Dataset entries:
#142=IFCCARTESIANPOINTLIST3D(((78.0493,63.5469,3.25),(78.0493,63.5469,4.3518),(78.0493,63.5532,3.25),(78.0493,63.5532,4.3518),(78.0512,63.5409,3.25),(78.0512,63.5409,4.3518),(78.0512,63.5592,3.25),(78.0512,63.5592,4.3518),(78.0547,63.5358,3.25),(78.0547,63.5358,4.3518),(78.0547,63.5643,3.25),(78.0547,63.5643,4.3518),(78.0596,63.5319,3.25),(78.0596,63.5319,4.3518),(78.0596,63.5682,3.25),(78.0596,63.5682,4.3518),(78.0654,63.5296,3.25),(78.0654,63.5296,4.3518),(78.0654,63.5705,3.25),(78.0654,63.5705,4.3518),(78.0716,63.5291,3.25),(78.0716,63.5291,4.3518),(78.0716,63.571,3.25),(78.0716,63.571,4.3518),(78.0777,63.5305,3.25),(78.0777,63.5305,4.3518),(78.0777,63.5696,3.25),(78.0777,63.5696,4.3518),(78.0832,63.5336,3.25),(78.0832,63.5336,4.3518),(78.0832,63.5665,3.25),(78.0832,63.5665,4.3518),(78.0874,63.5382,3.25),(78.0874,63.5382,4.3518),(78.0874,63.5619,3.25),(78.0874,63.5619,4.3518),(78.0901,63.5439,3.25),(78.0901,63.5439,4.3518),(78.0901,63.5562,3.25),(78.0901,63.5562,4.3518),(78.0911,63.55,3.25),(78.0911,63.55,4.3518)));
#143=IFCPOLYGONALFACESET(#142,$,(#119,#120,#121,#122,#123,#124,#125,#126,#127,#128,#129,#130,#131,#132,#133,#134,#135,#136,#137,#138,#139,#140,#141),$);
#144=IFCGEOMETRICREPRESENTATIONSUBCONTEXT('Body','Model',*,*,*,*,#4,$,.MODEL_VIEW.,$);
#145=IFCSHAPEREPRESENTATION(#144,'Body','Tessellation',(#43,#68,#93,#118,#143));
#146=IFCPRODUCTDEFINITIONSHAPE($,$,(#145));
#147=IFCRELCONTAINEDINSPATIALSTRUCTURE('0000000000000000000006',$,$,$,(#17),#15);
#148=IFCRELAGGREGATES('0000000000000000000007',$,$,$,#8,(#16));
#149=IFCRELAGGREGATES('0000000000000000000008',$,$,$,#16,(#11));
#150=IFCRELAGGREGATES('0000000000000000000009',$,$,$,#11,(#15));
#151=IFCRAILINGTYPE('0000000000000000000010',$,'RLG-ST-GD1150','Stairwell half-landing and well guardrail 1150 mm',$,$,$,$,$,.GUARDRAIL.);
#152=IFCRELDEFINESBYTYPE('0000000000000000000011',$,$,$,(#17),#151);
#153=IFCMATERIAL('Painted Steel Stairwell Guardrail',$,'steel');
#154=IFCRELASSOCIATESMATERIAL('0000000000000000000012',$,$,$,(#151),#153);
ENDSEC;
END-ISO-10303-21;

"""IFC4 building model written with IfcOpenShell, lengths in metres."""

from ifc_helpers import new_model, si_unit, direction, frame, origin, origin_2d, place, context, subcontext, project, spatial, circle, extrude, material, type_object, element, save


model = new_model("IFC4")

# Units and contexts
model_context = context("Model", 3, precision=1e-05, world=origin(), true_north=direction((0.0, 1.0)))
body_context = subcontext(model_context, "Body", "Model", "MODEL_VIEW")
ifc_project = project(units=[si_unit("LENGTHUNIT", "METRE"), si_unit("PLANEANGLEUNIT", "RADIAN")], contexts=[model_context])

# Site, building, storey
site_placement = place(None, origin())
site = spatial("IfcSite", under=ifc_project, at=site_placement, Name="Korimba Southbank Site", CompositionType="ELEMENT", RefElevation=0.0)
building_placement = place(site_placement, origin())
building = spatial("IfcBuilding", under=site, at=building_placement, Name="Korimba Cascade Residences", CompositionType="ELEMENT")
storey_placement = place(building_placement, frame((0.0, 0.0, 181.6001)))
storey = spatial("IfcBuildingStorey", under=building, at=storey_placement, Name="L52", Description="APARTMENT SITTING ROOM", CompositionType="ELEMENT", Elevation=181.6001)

==

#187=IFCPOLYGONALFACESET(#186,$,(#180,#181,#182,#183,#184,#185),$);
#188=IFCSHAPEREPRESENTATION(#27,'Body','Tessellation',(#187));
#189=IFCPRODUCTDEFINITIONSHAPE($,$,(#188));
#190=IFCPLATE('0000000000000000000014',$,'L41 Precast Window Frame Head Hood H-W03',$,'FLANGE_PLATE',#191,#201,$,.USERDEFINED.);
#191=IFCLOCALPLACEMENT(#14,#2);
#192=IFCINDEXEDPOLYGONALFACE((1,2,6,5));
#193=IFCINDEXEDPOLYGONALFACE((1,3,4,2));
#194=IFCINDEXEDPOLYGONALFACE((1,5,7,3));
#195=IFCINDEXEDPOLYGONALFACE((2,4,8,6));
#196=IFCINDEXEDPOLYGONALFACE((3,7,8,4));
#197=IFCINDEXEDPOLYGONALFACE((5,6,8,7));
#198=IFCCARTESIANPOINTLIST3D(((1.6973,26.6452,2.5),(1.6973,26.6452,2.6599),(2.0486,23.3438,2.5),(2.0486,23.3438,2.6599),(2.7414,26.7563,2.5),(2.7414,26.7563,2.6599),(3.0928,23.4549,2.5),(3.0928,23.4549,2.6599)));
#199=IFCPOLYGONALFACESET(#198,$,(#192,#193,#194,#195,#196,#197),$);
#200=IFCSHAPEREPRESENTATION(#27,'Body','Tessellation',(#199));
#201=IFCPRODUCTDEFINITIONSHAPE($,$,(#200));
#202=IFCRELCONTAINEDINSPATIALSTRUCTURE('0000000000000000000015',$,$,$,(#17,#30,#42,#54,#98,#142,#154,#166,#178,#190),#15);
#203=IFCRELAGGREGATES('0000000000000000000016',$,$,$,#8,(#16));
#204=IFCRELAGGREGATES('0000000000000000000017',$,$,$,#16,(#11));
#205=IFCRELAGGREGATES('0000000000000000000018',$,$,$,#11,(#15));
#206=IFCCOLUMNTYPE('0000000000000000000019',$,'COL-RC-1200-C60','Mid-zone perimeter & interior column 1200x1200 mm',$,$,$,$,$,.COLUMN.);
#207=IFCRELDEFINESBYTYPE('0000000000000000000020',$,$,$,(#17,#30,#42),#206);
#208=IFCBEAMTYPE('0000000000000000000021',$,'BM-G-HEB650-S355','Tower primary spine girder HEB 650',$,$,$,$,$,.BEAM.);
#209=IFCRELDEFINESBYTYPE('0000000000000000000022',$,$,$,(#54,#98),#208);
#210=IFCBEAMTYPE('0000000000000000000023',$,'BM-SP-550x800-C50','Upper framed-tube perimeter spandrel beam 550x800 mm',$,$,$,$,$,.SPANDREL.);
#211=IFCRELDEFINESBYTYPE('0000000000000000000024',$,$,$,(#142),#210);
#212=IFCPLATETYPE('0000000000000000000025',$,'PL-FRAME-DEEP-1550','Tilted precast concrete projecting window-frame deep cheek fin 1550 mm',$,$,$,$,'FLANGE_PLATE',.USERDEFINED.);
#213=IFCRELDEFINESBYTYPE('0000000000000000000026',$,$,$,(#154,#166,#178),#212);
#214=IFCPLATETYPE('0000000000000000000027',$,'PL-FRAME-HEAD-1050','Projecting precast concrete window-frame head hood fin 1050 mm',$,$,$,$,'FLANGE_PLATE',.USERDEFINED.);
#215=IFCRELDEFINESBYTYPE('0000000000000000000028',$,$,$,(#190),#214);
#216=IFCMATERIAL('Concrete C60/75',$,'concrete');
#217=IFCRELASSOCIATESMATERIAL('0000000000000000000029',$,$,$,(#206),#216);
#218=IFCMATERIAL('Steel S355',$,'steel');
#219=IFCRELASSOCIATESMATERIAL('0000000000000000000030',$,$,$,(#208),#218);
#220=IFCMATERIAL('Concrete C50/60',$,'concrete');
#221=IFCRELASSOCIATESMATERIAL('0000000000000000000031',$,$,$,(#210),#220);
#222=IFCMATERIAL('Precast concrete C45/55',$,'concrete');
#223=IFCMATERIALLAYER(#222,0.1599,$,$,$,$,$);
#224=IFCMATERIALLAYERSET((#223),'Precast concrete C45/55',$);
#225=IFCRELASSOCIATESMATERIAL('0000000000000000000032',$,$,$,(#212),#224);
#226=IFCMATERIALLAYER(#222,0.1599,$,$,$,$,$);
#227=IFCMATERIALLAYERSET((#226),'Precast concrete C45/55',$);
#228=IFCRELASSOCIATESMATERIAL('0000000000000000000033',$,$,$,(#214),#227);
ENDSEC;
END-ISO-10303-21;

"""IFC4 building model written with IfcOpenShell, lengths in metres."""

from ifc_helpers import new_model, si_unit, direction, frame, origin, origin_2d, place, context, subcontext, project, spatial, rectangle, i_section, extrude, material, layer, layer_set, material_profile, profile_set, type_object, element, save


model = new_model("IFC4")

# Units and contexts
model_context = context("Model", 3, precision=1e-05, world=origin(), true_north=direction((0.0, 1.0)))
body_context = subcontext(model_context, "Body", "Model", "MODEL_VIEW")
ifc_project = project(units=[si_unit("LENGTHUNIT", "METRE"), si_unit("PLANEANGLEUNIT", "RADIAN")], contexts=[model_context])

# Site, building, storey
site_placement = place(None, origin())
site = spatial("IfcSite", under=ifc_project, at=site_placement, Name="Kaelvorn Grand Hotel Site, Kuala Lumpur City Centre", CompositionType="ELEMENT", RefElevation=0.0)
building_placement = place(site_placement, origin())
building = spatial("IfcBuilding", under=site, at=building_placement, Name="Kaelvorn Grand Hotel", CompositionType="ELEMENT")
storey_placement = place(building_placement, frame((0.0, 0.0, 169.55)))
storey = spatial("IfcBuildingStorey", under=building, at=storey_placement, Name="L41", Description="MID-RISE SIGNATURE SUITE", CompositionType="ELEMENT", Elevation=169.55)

### AIM OF THE EXERCISE
Where a line of the records holds the word "Grand", copy that line.

### SOLUTION TO THE EXERCISE
site = spatial("IfcSite", under=ifc_project, at=site_placement, Name="Kaelvorn Grand Hotel Site, Kuala Lumpur City Centre", CompositionType="ELEMENT", RefElevation=0.0)
building = spatial("IfcBuilding", under=site, at=building_placement, Name="Kaelvorn Grand Hotel", CompositionType="ELEMENT")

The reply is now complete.